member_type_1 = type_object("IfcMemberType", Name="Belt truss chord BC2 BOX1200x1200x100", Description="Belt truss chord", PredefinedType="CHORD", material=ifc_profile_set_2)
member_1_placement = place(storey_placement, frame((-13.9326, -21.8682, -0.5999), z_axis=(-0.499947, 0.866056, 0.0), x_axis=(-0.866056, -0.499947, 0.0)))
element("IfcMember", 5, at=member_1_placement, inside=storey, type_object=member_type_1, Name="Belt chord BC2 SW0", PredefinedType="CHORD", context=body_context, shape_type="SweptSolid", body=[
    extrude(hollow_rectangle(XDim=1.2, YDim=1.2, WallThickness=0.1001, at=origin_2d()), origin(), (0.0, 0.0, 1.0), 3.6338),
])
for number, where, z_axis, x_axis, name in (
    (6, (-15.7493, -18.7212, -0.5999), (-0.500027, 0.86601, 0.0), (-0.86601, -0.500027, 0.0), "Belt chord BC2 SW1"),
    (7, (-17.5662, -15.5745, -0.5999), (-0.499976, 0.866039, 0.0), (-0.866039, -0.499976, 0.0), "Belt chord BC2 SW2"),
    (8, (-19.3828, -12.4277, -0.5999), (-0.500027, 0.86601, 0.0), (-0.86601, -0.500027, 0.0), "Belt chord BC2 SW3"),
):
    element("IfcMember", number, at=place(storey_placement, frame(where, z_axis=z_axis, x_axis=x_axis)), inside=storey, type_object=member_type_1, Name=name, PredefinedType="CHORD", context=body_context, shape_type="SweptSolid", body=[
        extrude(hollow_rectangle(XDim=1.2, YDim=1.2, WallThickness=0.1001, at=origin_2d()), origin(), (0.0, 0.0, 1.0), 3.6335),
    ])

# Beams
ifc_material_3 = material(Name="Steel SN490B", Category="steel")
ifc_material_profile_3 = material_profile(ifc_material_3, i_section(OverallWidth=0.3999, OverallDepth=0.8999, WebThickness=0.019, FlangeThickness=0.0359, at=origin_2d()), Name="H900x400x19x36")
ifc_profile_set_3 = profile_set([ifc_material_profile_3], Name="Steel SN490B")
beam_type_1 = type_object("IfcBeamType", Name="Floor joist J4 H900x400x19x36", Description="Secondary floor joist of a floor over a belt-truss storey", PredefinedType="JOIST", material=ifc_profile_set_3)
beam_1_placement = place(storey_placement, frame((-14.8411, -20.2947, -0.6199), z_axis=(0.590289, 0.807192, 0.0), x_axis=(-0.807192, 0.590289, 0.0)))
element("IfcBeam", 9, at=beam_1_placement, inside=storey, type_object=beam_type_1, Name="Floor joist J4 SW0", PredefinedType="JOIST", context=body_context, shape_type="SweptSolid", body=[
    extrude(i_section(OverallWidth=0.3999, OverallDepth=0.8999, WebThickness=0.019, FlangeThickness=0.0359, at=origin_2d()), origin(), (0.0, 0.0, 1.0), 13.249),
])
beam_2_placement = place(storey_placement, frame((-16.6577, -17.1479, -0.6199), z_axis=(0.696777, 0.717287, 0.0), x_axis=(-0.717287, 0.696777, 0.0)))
------------
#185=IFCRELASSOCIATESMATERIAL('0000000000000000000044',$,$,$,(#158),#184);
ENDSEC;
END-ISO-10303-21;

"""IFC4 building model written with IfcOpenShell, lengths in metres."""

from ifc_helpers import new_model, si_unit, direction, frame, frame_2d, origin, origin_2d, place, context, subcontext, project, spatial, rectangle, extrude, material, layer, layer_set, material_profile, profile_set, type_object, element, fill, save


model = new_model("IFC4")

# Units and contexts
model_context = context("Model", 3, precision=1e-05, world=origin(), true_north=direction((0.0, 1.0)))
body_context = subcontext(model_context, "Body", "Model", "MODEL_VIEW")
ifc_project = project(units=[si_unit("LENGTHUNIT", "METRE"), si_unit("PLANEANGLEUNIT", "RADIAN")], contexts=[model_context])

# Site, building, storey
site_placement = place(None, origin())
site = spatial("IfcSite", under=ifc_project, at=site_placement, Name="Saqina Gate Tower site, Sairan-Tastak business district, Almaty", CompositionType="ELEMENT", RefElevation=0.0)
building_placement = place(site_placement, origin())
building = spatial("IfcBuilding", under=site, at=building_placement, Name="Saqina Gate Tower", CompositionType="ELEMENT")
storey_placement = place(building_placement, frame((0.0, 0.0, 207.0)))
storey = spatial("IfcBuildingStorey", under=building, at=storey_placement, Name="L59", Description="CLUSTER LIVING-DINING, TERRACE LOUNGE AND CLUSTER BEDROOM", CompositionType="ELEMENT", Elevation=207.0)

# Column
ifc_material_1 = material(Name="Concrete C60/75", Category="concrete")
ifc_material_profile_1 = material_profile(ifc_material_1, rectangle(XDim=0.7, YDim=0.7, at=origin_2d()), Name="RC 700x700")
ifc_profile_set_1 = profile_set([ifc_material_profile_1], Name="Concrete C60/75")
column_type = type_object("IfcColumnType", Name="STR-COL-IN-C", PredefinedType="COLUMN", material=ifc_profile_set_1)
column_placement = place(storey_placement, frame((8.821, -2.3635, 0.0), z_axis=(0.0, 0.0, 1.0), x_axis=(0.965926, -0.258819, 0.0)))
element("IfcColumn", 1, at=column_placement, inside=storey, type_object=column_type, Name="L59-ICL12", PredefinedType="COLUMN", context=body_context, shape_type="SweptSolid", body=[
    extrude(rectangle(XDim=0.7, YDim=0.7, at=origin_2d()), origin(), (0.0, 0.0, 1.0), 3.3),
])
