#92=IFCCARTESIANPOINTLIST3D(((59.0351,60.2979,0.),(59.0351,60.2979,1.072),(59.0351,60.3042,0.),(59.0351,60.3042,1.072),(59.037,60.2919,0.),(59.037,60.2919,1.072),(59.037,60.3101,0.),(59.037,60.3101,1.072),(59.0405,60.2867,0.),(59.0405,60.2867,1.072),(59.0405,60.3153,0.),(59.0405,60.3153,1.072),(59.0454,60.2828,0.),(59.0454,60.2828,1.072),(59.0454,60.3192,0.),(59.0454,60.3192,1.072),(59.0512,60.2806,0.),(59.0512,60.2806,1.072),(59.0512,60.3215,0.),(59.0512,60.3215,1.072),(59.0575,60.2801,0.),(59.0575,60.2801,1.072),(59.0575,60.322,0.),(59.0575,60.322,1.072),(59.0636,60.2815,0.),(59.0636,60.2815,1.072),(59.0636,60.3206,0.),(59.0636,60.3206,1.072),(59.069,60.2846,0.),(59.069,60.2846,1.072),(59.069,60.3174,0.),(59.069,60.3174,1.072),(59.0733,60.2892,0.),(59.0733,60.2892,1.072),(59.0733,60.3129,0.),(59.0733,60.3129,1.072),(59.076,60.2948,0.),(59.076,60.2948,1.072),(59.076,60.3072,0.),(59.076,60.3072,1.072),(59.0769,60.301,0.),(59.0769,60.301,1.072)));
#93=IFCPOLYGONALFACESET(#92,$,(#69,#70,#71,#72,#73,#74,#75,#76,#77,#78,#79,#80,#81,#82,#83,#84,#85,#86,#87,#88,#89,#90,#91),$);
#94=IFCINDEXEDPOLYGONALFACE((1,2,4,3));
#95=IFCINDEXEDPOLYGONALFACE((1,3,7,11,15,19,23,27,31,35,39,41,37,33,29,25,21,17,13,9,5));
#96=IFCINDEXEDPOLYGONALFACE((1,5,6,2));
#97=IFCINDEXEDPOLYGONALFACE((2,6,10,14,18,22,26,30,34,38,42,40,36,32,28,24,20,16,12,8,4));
------------
Go to the line with "world=origin(), true_north=direction((0.0, 1.0)))" in the entries above and repeat every line from there through the line with "frame((0.0, 0.0, 207.0)))", exactly and with no other text.

model_context = context("Model", 3, precision=1e-05, world=origin(), true_north=direction((0.0, 1.0)))
body_context = subcontext(model_context, "Body", "Model", "MODEL_VIEW")
ifc_project = project(units=[si_unit("LENGTHUNIT", "METRE"), si_unit("PLANEANGLEUNIT", "RADIAN")], contexts=[model_context])

# Site, building, storey
site_placement = place(None, origin())
site = spatial("IfcSite", under=ifc_project, at=site_placement, Name="Saqina Gate Tower site, Sairan-Tastak business district, Almaty", CompositionType="ELEMENT", RefElevation=0.0)
building_placement = place(site_placement, origin())
building = spatial("IfcBuilding", under=site, at=building_placement, Name="Saqina Gate Tower", CompositionType="ELEMENT")
storey_placement = place(building_placement, frame((0.0, 0.0, 207.0)))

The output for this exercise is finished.